DATA FOR PROCESSING START

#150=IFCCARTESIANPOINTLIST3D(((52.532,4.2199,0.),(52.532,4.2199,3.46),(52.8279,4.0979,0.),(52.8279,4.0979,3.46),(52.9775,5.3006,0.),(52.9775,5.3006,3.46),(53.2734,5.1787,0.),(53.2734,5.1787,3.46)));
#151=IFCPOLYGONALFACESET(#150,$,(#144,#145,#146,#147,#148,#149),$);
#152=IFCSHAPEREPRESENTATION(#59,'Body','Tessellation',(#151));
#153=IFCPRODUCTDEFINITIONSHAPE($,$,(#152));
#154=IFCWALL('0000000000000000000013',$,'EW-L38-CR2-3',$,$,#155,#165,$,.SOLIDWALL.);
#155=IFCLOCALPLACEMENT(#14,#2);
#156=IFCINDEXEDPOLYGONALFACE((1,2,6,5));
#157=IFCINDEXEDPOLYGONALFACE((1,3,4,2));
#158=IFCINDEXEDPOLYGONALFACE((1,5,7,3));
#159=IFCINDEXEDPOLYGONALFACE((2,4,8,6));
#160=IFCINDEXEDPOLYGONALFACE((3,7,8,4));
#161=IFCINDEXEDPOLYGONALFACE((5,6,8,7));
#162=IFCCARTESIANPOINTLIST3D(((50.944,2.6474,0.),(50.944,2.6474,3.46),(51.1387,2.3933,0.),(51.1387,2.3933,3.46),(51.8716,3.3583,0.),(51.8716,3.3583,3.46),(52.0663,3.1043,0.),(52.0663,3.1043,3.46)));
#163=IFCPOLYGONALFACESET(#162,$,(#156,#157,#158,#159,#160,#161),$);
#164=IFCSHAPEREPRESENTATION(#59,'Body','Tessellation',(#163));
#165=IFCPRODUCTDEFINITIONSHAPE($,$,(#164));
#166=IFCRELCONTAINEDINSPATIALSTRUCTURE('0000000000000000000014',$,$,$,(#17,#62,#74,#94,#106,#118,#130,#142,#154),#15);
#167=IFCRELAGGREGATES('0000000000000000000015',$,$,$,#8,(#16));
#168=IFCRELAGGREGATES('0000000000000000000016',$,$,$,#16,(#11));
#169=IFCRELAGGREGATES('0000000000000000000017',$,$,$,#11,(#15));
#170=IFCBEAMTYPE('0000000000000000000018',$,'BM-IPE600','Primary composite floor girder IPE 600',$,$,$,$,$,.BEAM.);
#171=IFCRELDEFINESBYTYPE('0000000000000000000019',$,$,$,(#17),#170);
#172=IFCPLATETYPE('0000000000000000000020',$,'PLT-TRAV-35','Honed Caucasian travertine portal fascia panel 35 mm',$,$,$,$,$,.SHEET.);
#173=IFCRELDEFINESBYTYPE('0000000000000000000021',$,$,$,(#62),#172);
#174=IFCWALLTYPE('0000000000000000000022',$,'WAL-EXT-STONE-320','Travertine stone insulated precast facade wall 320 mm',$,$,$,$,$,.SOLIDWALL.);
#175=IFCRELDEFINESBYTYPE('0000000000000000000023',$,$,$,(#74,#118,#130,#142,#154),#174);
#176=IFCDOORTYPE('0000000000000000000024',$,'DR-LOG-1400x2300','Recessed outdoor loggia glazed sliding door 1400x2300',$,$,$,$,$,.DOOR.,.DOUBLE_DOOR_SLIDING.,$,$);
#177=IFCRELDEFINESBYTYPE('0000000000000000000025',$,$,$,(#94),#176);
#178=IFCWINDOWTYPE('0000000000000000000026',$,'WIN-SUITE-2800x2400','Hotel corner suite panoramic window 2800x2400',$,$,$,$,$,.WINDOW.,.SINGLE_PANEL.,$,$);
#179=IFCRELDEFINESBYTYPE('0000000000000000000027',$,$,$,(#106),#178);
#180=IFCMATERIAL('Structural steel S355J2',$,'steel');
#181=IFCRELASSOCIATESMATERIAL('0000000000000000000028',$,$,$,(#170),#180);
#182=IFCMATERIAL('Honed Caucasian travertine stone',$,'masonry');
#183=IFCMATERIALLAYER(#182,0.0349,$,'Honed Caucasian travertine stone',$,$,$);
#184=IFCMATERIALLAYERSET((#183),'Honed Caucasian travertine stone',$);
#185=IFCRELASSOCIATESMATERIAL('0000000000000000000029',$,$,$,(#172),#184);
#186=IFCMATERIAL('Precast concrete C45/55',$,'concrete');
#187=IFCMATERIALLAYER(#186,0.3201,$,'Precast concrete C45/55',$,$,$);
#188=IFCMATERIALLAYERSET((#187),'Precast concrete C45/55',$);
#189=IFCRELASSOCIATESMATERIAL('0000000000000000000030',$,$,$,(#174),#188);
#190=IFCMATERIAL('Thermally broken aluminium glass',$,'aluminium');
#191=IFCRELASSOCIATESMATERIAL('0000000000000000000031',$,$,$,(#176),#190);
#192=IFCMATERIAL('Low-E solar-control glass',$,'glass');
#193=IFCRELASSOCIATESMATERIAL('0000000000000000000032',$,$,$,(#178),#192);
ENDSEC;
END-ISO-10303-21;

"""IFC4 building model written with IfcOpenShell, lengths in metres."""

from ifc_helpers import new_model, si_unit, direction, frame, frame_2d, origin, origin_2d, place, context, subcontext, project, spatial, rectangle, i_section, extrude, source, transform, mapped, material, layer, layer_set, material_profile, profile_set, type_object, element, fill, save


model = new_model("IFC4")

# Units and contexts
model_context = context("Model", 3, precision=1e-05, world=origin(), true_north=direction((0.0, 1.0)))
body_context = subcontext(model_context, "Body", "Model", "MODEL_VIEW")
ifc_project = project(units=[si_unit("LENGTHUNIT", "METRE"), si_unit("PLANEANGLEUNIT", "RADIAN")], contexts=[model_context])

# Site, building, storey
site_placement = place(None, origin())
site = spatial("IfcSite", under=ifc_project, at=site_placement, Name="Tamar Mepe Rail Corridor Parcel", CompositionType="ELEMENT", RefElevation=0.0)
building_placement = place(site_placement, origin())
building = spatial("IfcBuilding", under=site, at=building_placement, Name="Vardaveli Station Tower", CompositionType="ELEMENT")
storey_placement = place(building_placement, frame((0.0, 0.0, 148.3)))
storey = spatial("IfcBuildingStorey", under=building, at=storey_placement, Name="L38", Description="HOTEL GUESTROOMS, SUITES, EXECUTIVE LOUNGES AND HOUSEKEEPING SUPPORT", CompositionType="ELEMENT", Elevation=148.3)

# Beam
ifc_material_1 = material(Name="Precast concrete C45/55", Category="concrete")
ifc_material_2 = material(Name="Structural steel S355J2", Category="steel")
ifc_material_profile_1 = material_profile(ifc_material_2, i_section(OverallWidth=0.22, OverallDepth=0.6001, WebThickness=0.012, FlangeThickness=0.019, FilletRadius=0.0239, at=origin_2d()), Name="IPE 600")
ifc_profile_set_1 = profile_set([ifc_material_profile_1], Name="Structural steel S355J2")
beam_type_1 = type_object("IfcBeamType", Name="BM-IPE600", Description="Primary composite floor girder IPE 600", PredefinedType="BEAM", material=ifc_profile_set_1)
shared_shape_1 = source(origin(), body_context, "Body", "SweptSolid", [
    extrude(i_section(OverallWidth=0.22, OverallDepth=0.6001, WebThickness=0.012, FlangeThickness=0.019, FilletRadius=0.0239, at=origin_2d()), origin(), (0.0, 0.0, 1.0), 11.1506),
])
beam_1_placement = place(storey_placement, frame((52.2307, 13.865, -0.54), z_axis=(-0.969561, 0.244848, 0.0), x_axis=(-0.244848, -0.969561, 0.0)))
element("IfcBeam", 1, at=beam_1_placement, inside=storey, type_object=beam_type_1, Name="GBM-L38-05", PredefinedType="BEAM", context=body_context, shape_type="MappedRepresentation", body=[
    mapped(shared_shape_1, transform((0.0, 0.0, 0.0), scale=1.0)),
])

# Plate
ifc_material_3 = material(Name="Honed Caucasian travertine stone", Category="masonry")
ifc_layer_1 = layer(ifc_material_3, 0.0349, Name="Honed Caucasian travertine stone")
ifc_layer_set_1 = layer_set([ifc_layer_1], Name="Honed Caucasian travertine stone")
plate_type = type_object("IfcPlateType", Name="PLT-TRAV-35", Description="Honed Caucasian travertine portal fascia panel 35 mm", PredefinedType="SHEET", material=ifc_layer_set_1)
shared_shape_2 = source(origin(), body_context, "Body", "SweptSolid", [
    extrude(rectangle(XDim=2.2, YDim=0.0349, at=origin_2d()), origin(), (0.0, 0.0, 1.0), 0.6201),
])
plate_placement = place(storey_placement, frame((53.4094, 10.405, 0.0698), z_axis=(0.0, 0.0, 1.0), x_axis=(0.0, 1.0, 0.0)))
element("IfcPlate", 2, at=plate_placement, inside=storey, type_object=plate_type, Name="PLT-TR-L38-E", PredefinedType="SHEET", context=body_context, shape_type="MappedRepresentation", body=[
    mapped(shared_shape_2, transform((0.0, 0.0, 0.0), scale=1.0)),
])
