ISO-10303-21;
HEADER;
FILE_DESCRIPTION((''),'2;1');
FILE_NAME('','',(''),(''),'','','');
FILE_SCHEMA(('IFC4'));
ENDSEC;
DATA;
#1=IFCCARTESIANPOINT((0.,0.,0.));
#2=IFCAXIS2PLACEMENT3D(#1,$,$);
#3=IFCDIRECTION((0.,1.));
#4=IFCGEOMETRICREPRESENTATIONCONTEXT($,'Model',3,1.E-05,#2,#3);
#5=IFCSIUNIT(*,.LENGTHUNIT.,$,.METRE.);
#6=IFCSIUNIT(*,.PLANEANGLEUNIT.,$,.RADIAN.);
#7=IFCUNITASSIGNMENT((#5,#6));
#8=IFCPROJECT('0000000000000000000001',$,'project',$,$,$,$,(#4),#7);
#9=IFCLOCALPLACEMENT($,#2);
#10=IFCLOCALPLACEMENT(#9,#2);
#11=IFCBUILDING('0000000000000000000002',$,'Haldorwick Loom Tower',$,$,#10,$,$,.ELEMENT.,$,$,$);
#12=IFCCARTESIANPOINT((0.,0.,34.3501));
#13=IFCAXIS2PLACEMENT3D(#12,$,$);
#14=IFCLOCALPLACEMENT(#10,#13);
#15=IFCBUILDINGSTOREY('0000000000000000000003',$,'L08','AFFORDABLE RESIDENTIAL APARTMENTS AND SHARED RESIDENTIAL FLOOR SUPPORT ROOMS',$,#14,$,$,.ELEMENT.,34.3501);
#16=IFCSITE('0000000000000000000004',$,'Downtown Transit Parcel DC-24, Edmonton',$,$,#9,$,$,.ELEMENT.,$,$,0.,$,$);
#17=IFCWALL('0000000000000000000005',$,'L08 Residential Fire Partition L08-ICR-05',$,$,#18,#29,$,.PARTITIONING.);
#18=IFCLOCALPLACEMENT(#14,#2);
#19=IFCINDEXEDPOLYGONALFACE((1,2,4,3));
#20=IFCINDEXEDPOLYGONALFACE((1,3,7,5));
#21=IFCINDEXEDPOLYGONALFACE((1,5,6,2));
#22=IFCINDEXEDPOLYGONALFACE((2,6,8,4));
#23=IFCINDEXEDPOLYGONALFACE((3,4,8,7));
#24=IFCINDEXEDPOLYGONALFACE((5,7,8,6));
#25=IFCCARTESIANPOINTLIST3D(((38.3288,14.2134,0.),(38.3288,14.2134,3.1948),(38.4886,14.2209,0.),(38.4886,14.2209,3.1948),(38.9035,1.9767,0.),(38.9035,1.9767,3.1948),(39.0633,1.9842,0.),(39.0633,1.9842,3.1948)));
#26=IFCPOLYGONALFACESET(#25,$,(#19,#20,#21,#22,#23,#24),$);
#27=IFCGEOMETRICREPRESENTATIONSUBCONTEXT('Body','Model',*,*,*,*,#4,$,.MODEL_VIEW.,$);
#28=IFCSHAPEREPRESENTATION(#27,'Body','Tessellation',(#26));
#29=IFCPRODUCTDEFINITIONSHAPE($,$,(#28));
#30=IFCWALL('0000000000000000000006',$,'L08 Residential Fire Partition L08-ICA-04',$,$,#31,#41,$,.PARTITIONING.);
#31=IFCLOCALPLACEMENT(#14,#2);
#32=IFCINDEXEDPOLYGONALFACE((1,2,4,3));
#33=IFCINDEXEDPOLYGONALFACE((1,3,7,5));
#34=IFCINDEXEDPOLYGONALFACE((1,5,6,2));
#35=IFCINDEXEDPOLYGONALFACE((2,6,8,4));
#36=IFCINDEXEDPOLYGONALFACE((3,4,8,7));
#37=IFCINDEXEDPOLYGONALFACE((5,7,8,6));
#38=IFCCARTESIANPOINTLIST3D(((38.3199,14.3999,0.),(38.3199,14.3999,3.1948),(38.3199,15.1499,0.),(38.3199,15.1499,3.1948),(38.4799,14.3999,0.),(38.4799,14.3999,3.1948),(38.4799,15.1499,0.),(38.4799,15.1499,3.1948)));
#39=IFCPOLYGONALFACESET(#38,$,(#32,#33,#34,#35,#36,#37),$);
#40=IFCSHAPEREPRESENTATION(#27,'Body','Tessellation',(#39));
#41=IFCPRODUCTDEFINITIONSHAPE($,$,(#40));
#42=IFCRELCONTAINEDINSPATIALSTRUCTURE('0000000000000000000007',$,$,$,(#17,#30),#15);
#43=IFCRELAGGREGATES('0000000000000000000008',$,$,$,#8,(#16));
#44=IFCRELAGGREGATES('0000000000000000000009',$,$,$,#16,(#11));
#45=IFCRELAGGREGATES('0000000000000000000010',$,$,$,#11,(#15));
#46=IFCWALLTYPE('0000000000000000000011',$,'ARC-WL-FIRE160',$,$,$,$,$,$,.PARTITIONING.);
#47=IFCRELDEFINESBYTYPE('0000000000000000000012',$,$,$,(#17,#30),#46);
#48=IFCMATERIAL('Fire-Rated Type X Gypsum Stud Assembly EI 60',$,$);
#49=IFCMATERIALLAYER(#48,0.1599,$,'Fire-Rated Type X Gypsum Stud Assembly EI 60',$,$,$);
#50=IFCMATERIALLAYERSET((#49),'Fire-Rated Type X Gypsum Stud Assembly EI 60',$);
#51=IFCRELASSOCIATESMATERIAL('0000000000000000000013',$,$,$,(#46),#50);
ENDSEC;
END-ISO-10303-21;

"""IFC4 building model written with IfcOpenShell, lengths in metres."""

from ifc_helpers import new_model, si_unit, direction, frame, frame_2d, origin, place, context, subcontext, project, spatial, rectangle, extrude, material, layer, layer_set, type_object, element, save


model = new_model("IFC4")

# Units and contexts
model_context = context("Model", 3, precision=1e-05, world=origin(), true_north=direction((0.0, 1.0)))
body_context = subcontext(model_context, "Body", "Model", "MODEL_VIEW")
ifc_project = project(units=[si_unit("LENGTHUNIT", "METRE"), si_unit("PLANEANGLEUNIT", "RADIAN")], contexts=[model_context])

# Site, building, storey
site_placement = place(None, origin())
site = spatial("IfcSite", under=ifc_project, at=site_placement, Name="Downtown Transit Parcel DC-24, Edmonton", CompositionType="ELEMENT", RefElevation=0.0)
building_placement = place(site_placement, origin())
building = spatial("IfcBuilding", under=site, at=building_placement, Name="Haldorwick Loom Tower", CompositionType="ELEMENT")
storey_placement = place(building_placement, frame((0.0, 0.0, 34.3501)))
storey = spatial("IfcBuildingStorey", under=building, at=storey_placement, Name="L08", Description="AFFORDABLE RESIDENTIAL APARTMENTS AND SHARED RESIDENTIAL FLOOR SUPPORT ROOMS", CompositionType="ELEMENT", Elevation=34.3501)

# Walls
ifc_material_1 = material(Name="Fire-Rated Type X Gypsum Stud Assembly EI 60")
ifc_layer_1 = layer(ifc_material_1, 0.1599, Name="Fire-Rated Type X Gypsum Stud Assembly EI 60")
ifc_layer_set_1 = layer_set([ifc_layer_1], Name="Fire-Rated Type X Gypsum Stud Assembly EI 60")
wall_type_1 = type_object("IfcWallType", Name="ARC-WL-FIRE160", PredefinedType="PARTITIONING", material=ifc_layer_set_1)
wall_1_placement = place(storey_placement, frame((38.4087, 14.217, 0.0), z_axis=(0.0, 0.0, 1.0), x_axis=(0.046914, -0.998899, 0.0)))
element("IfcWall", 1, at=wall_1_placement, inside=storey, type_object=wall_type_1, Name="L08 Residential Fire Partition L08-ICR-05", PredefinedType="PARTITIONING", context=body_context, shape_type="SweptSolid", body=[
    extrude(rectangle(XDim=12.2502, YDim=0.1599, at=frame_2d((6.125, 0.0))), origin(), (0.0, 0.0, 1.0), 3.1948),
])
wall_2_placement = place(storey_placement, frame((38.3999, 15.1499, 0.0), z_axis=(0.0, 0.0, 1.0), x_axis=(0.0, -1.0, 0.0)))
element("IfcWall", 2, at=wall_2_placement, inside=storey, type_object=wall_type_1, Name="L08 Residential Fire Partition L08-ICA-04", PredefinedType="PARTITIONING", context=body_context, shape_type="SweptSolid", body=[
    extrude(rectangle(XDim=0.75, YDim=0.1599, at=frame_2d((0.375, 0.0))), origin(), (0.0, 0.0, 1.0), 3.1948),
])

save(model, "model.ifc")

DATA FOR PROCESSING END

From the listing above, copy every line where the string "WebThickness" is found.

ifc_material_profile_1 = material_profile(ifc_material_2, i_section(OverallWidth=0.22, OverallDepth=0.6001, WebThickness=0.012, FlangeThickness=0.019, FilletRadius=0.0239, at=origin_2d()), Name="IPE 600")
    extrude(i_section(OverallWidth=0.22, OverallDepth=0.6001, WebThickness=0.012, FlangeThickness=0.019, FilletRadius=0.0239, at=origin_2d()), origin(), (0.0, 0.0, 1.0), 11.1506),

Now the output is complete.